··· RECORDS SUPPLIED

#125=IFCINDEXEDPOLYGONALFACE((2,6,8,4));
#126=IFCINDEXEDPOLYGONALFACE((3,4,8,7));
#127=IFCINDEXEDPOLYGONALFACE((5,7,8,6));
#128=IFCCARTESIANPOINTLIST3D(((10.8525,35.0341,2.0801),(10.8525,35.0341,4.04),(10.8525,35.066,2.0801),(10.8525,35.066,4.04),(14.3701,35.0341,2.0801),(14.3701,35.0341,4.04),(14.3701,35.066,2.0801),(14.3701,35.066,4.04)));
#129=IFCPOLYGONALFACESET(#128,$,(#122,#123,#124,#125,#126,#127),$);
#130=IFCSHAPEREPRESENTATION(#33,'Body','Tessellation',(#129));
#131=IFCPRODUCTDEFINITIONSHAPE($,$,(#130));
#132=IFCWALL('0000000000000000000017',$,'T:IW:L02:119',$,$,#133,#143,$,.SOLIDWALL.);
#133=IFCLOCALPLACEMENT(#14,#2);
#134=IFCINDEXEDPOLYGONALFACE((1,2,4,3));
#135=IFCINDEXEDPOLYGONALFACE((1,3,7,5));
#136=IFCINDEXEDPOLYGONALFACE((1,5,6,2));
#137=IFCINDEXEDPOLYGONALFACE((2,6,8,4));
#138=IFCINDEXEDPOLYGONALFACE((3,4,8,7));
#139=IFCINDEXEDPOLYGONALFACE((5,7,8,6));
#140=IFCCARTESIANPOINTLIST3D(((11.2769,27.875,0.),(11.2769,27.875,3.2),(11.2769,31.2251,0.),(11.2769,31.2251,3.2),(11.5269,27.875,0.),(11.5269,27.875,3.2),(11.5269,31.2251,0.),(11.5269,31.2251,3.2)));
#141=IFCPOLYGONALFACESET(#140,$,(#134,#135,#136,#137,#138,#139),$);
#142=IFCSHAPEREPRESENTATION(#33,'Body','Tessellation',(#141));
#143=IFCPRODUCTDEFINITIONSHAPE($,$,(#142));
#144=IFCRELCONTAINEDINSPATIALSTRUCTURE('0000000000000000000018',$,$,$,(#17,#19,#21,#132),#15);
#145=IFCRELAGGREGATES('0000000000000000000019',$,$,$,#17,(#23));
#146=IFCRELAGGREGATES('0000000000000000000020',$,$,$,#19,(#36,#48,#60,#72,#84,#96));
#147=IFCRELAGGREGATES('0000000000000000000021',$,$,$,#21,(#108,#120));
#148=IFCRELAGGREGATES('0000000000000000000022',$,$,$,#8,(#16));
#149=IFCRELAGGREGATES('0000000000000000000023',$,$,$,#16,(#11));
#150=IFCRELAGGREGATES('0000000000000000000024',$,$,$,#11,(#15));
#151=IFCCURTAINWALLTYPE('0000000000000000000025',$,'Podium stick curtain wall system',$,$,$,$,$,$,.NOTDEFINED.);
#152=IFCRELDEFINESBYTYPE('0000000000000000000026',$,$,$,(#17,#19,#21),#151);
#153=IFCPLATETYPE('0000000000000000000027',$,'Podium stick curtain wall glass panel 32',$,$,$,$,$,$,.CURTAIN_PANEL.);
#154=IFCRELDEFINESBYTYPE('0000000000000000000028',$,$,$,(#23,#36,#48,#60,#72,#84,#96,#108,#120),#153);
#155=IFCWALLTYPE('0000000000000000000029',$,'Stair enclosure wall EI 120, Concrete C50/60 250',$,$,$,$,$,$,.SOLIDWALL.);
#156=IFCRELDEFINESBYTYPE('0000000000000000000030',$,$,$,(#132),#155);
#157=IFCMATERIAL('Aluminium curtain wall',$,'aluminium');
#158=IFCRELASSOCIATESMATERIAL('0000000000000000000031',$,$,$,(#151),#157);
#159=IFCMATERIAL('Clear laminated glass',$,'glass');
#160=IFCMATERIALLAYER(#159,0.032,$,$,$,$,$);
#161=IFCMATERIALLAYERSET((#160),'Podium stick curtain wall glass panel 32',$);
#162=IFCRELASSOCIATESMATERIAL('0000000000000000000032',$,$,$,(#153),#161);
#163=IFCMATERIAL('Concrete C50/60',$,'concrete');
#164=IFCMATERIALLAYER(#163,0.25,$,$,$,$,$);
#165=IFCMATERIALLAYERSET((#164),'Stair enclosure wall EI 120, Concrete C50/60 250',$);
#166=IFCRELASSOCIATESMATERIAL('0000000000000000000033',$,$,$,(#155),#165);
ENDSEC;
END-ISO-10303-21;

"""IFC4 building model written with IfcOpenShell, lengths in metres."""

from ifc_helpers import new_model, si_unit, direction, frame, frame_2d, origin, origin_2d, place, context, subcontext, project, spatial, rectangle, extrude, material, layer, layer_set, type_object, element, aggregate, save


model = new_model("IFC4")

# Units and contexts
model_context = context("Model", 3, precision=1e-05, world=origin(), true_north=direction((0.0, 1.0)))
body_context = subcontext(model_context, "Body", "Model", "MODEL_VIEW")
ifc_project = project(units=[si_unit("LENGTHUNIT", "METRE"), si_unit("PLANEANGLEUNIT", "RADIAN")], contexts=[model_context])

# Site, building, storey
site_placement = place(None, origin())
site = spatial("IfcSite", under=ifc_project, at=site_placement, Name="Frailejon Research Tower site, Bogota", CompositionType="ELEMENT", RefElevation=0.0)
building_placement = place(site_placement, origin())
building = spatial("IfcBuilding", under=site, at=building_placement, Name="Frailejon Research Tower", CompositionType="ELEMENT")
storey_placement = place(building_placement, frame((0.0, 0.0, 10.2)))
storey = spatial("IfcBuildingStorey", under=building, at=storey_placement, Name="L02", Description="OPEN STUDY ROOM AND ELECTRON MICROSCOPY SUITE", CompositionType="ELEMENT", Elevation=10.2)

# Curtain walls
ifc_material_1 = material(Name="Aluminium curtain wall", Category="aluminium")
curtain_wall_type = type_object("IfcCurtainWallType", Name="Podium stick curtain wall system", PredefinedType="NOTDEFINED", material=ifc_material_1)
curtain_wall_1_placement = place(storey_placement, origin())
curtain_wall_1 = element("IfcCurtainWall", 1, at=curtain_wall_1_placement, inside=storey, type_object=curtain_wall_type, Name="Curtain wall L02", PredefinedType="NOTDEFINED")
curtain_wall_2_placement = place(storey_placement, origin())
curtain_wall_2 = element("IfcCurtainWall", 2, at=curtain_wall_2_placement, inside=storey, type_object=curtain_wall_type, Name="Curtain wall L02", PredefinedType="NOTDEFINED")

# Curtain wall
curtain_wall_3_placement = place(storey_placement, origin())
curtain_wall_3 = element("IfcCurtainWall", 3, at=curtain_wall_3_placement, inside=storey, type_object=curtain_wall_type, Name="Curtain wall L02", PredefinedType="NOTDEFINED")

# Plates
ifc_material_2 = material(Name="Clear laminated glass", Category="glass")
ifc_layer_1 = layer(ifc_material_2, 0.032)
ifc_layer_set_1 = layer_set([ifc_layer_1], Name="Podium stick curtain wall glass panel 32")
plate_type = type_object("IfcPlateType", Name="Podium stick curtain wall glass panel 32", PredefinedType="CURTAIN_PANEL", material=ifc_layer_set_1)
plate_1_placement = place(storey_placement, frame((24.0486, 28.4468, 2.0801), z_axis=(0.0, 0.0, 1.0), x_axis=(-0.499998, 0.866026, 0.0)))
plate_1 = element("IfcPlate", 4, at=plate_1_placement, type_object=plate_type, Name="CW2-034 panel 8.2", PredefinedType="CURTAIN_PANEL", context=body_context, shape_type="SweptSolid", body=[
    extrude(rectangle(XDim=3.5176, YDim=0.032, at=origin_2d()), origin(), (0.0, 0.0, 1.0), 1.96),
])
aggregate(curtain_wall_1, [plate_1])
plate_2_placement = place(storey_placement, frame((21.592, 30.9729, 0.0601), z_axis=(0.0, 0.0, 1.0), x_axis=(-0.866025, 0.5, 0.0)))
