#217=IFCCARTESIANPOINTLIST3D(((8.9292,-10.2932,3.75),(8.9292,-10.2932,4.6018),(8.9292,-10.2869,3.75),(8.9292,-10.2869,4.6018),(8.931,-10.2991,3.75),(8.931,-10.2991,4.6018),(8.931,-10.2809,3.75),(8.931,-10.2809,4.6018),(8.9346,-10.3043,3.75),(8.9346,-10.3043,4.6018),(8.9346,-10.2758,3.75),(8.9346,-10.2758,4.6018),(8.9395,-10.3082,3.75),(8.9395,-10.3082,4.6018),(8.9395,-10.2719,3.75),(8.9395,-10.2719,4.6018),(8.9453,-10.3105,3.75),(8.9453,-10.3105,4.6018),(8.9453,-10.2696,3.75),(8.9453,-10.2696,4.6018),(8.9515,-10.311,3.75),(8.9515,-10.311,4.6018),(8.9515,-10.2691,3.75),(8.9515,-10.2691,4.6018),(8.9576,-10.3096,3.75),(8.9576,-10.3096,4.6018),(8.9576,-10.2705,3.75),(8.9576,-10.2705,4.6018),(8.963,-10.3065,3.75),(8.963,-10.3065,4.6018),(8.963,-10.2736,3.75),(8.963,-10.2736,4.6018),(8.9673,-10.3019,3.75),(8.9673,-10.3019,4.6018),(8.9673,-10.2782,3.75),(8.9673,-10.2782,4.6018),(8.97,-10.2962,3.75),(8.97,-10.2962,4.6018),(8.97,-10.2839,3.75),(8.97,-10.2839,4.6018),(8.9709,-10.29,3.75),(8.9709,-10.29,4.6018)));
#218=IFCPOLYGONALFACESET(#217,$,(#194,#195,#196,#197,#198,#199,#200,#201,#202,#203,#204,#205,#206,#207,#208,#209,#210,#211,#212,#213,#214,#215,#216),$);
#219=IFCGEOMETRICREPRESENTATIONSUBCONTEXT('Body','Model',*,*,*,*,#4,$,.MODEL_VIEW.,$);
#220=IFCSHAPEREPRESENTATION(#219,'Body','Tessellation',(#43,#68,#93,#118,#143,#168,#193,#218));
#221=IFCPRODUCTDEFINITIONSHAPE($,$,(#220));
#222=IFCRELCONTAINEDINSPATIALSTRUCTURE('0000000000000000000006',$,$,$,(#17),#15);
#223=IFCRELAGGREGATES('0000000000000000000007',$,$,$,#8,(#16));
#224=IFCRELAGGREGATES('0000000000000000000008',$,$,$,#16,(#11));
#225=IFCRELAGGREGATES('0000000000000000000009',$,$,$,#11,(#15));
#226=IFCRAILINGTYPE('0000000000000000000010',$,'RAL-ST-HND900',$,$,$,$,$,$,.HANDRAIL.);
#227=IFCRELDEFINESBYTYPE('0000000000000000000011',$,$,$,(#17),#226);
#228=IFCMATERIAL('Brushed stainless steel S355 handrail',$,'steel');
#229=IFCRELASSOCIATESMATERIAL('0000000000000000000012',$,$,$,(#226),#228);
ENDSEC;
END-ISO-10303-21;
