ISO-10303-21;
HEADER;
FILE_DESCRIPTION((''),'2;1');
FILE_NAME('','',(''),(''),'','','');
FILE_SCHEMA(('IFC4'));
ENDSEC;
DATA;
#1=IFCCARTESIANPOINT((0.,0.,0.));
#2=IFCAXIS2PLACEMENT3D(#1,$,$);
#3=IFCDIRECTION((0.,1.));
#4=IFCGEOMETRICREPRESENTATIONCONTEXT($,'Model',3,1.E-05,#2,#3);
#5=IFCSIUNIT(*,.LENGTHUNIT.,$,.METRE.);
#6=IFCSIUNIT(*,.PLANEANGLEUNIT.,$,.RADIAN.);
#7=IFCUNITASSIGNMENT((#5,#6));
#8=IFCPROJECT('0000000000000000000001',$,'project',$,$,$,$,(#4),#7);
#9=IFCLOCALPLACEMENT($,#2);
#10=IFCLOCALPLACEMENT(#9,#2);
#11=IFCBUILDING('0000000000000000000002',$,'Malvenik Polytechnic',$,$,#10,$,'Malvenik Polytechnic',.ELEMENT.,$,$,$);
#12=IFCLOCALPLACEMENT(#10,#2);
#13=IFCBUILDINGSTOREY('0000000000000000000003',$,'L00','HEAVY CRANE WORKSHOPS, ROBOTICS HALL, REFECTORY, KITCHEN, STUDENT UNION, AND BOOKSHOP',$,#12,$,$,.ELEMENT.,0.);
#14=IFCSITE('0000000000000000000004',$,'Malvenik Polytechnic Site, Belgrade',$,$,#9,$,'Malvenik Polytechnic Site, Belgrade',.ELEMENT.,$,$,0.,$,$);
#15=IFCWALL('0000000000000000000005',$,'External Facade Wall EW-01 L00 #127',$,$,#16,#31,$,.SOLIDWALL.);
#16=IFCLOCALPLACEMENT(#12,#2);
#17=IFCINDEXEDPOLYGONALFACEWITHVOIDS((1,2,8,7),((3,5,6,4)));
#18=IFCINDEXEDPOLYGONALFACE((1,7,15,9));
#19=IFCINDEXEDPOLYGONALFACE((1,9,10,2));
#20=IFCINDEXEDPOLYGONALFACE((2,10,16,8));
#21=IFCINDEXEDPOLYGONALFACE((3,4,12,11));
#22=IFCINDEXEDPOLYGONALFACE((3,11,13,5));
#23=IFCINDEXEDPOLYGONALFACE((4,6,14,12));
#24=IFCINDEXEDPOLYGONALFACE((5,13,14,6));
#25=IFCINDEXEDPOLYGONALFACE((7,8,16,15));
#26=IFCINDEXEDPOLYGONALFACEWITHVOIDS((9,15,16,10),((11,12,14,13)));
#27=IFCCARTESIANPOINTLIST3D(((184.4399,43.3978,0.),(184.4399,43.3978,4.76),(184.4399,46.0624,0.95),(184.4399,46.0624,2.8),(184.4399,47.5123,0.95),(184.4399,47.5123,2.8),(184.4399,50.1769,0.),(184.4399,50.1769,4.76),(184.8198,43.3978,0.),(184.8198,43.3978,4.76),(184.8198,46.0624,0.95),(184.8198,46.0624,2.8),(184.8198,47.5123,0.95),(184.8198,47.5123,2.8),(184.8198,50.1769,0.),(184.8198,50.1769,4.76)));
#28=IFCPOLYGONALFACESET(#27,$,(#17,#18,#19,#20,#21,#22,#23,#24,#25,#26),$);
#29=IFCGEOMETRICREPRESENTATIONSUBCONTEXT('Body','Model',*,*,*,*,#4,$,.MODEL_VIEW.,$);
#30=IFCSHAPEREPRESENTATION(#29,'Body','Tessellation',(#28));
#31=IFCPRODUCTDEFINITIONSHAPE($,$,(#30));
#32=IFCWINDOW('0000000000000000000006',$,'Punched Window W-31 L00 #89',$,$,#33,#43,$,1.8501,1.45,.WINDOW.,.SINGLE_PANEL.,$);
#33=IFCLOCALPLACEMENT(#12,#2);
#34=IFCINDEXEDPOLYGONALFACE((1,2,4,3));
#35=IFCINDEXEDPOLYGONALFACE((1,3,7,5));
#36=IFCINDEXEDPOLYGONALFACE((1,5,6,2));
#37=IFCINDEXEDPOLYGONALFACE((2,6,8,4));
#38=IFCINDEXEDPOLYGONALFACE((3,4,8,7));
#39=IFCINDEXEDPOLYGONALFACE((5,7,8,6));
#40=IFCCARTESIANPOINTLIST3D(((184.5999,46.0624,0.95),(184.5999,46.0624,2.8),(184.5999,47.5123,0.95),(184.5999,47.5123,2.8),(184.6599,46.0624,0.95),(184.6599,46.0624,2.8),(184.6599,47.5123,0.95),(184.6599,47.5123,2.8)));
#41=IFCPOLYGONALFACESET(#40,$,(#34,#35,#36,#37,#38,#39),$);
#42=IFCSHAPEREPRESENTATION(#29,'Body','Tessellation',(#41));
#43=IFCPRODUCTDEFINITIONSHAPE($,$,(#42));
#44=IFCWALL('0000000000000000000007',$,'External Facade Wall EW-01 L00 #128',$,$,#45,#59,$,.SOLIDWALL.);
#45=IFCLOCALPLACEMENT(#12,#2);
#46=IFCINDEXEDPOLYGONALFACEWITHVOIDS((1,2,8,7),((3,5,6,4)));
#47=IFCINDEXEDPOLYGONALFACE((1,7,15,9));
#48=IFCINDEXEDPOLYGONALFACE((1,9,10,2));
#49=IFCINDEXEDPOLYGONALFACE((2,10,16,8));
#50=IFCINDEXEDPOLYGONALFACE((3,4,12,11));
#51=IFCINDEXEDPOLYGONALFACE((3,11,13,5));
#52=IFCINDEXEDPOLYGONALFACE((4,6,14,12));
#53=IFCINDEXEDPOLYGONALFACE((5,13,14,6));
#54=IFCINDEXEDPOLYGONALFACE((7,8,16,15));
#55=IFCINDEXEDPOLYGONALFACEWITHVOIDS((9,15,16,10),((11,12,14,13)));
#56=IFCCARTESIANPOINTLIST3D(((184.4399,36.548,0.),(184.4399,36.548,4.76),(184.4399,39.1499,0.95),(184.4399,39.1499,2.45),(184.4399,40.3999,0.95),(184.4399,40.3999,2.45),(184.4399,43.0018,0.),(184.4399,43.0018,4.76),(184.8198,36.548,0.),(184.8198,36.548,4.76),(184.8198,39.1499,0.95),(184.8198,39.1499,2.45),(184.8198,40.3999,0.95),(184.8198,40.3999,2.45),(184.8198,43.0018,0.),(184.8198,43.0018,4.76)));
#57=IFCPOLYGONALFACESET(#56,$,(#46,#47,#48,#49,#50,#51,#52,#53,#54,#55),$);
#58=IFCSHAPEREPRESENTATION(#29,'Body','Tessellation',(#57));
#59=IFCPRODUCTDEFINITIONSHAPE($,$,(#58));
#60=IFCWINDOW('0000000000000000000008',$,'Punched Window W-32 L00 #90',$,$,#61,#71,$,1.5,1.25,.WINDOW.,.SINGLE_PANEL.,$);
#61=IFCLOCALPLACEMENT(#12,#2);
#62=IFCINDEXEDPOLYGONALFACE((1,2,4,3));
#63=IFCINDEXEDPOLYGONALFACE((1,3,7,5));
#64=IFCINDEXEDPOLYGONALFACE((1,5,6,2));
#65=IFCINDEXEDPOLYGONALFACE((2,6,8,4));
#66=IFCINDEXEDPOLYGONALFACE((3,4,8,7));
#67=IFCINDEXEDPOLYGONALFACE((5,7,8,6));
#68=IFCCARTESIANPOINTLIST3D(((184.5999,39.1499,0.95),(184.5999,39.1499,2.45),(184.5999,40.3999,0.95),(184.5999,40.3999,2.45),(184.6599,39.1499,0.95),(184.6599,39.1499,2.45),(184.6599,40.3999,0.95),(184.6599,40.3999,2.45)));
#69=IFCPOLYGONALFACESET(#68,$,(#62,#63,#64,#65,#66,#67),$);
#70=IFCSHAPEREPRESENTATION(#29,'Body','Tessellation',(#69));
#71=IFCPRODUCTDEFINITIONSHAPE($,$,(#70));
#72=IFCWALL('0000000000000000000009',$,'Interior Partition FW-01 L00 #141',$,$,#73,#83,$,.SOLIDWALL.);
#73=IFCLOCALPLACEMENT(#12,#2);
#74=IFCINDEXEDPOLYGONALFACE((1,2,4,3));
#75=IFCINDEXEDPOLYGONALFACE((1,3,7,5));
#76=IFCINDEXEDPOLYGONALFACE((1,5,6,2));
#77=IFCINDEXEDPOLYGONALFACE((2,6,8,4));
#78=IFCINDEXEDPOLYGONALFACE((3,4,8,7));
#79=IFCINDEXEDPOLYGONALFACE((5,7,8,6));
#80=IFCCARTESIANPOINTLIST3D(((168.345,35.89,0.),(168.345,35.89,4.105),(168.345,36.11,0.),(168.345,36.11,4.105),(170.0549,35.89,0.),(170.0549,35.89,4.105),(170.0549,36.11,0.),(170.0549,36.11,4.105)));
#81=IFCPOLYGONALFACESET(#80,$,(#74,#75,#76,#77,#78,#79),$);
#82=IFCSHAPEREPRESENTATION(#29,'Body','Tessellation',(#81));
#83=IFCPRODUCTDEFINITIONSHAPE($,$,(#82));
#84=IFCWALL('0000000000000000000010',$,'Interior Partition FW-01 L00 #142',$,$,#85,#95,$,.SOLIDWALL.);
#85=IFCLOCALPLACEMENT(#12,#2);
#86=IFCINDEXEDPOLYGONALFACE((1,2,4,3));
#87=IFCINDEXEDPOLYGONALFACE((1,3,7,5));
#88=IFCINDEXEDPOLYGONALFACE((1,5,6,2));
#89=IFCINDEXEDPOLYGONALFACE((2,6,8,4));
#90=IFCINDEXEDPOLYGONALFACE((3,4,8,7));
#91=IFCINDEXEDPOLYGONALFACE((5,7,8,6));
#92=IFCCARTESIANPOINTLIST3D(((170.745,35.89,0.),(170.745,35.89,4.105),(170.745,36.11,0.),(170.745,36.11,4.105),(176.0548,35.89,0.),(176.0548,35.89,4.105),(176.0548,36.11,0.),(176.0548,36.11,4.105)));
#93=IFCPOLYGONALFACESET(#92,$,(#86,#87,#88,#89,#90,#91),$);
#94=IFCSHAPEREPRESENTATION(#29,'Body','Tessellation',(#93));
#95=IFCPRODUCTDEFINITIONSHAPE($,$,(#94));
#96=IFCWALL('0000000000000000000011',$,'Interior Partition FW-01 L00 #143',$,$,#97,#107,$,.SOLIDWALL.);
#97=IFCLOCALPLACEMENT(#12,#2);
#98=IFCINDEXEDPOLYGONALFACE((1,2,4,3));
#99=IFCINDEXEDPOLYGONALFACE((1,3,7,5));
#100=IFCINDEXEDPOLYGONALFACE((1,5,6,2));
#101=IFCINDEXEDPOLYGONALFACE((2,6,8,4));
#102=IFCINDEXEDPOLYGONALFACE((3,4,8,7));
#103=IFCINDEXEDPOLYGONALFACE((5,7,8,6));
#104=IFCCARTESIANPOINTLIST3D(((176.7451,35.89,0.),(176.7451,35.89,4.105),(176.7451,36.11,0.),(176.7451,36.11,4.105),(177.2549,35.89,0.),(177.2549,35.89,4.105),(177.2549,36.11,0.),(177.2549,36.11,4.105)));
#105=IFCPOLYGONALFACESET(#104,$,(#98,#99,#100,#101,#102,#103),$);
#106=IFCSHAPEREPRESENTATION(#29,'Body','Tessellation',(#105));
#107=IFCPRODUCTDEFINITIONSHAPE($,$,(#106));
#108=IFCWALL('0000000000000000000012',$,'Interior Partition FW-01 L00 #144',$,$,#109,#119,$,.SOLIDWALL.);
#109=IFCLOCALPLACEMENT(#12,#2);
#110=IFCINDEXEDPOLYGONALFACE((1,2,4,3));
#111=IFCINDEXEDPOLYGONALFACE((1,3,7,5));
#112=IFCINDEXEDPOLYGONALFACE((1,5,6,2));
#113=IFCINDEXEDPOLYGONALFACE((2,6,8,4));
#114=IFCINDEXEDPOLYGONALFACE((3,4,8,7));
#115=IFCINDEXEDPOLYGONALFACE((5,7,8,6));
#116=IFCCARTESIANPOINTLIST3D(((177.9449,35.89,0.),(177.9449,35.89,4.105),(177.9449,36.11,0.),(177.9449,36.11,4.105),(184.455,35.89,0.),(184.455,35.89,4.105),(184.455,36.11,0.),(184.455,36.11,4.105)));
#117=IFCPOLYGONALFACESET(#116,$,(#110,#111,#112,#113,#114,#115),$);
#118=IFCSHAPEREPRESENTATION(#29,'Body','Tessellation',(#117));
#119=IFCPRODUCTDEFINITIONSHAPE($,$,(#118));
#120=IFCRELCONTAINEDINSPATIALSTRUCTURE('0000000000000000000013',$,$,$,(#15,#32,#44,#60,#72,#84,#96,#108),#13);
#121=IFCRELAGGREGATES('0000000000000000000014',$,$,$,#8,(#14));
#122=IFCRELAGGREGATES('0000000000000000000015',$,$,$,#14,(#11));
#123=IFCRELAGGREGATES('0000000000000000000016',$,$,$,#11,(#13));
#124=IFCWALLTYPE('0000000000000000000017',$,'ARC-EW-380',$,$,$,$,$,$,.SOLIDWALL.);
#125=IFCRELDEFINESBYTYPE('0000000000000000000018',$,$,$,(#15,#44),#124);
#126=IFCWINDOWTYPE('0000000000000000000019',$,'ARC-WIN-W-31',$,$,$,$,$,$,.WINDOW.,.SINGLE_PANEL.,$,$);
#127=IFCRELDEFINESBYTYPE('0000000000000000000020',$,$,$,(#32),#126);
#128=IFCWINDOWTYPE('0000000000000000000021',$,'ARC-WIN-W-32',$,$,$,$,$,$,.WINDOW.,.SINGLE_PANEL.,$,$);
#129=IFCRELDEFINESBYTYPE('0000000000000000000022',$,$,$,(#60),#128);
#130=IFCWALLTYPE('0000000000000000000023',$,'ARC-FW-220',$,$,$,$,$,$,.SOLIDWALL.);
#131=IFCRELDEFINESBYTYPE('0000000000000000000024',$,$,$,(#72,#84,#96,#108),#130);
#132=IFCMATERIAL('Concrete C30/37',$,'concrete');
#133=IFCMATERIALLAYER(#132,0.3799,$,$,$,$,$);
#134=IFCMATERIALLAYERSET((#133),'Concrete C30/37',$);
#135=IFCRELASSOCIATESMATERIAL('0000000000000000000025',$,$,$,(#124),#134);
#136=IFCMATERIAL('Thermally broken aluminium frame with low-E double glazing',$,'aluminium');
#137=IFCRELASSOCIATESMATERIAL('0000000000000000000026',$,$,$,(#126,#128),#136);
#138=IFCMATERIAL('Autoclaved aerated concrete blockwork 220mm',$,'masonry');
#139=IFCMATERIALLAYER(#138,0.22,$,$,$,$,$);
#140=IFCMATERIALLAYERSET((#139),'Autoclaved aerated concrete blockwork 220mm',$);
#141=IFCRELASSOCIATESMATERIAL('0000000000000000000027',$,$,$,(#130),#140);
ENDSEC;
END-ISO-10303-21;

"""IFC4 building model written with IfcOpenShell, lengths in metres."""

from ifc_helpers import new_model, si_unit, direction, frame, frame_2d, origin, place, context, subcontext, project, spatial, rectangle, extrude, material, layer, layer_set, type_object, element, fill, save


model = new_model("IFC4")

# Units and contexts
model_context = context("Model", 3, precision=1e-05, world=origin(), true_north=direction((0.0, 1.0)))
body_context = subcontext(model_context, "Body", "Model", "MODEL_VIEW")
ifc_project = project(units=[si_unit("LENGTHUNIT", "METRE"), si_unit("PLANEANGLEUNIT", "RADIAN")], contexts=[model_context])

# Site, building, storey
site_placement = place(None, origin())
site = spatial("IfcSite", under=ifc_project, at=site_placement, Name="Malvenik Polytechnic Site, Belgrade", LongName="Malvenik Polytechnic Site, Belgrade", CompositionType="ELEMENT", RefElevation=0.0)
building_placement = place(site_placement, origin())
building = spatial("IfcBuilding", under=site, at=building_placement, Name="Malvenik Polytechnic", LongName="Malvenik Polytechnic", CompositionType="ELEMENT")
storey_placement = place(building_placement, origin())
storey = spatial("IfcBuildingStorey", under=building, at=storey_placement, Name="L00", Description="HEAVY CRANE WORKSHOPS, ROBOTICS HALL, REFECTORY, KITCHEN, STUDENT UNION, AND BOOKSHOP", CompositionType="ELEMENT", Elevation=0.0)

# Shared definitions
ifc_material_1 = material(Name="Concrete C30/37", Category="concrete")

# Walls, openings, windows
ifc_layer_1 = layer(ifc_material_1, 0.3799)
ifc_layer_set_1 = layer_set([ifc_layer_1], Name="Concrete C30/37")
wall_type_1 = type_object("IfcWallType", Name="ARC-EW-380", PredefinedType="SOLIDWALL", material=ifc_layer_set_1)
ifc_material_2 = material(Name="Thermally broken aluminium frame with low-E double glazing", Category="aluminium")
wall_1_placement = place(storey_placement, frame((184.6299, 50.177, 0.0), z_axis=(0.0, 0.0, 1.0), x_axis=(0.0, -1.0, 0.0)))
wall_1 = element("IfcWall", 1, at=wall_1_placement, inside=storey, type_object=wall_type_1, Name="External Facade Wall EW-01 L00 #127", PredefinedType="SOLIDWALL", context=body_context, shape_type="SweptSolid", body=[
    extrude(rectangle(XDim=6.7791, YDim=0.3799, at=frame_2d((3.3896, 0.0))), origin(), (0.0, 0.0, 1.0), 4.76),
])
opening_1_placement = place(wall_1_placement, frame((2.6646, 0.0, 0.95)))
opening_1 = element("IfcOpeningElement", 2, at=opening_1_placement, cuts=wall_1, PredefinedType="OPENING", context=body_context, shape_type="SweptSolid", body=[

······

ASSIGNMENT :: All that should appear in the response is the run of lines from the first line of the entries through the line containing "#138=IFCINDEXEDPOLYGONALFACE((3,4,8,7));", copied exactly.

FINISHED EXERCISE ::
#125=IFCINDEXEDPOLYGONALFACE((2,6,8,4));
#126=IFCINDEXEDPOLYGONALFACE((3,4,8,7));
#127=IFCINDEXEDPOLYGONALFACE((5,7,8,6));
#128=IFCCARTESIANPOINTLIST3D(((10.8525,35.0341,2.0801),(10.8525,35.0341,4.04),(10.8525,35.066,2.0801),(10.8525,35.066,4.04),(14.3701,35.0341,2.0801),(14.3701,35.0341,4.04),(14.3701,35.066,2.0801),(14.3701,35.066,4.04)));
#129=IFCPOLYGONALFACESET(#128,$,(#122,#123,#124,#125,#126,#127),$);
#130=IFCSHAPEREPRESENTATION(#33,'Body','Tessellation',(#129));
#131=IFCPRODUCTDEFINITIONSHAPE($,$,(#130));
#132=IFCWALL('0000000000000000000017',$,'T:IW:L02:119',$,$,#133,#143,$,.SOLIDWALL.);
#133=IFCLOCALPLACEMENT(#14,#2);
#134=IFCINDEXEDPOLYGONALFACE((1,2,4,3));
#135=IFCINDEXEDPOLYGONALFACE((1,3,7,5));
#136=IFCINDEXEDPOLYGONALFACE((1,5,6,2));
#137=IFCINDEXEDPOLYGONALFACE((2,6,8,4));
#138=IFCINDEXEDPOLYGONALFACE((3,4,8,7));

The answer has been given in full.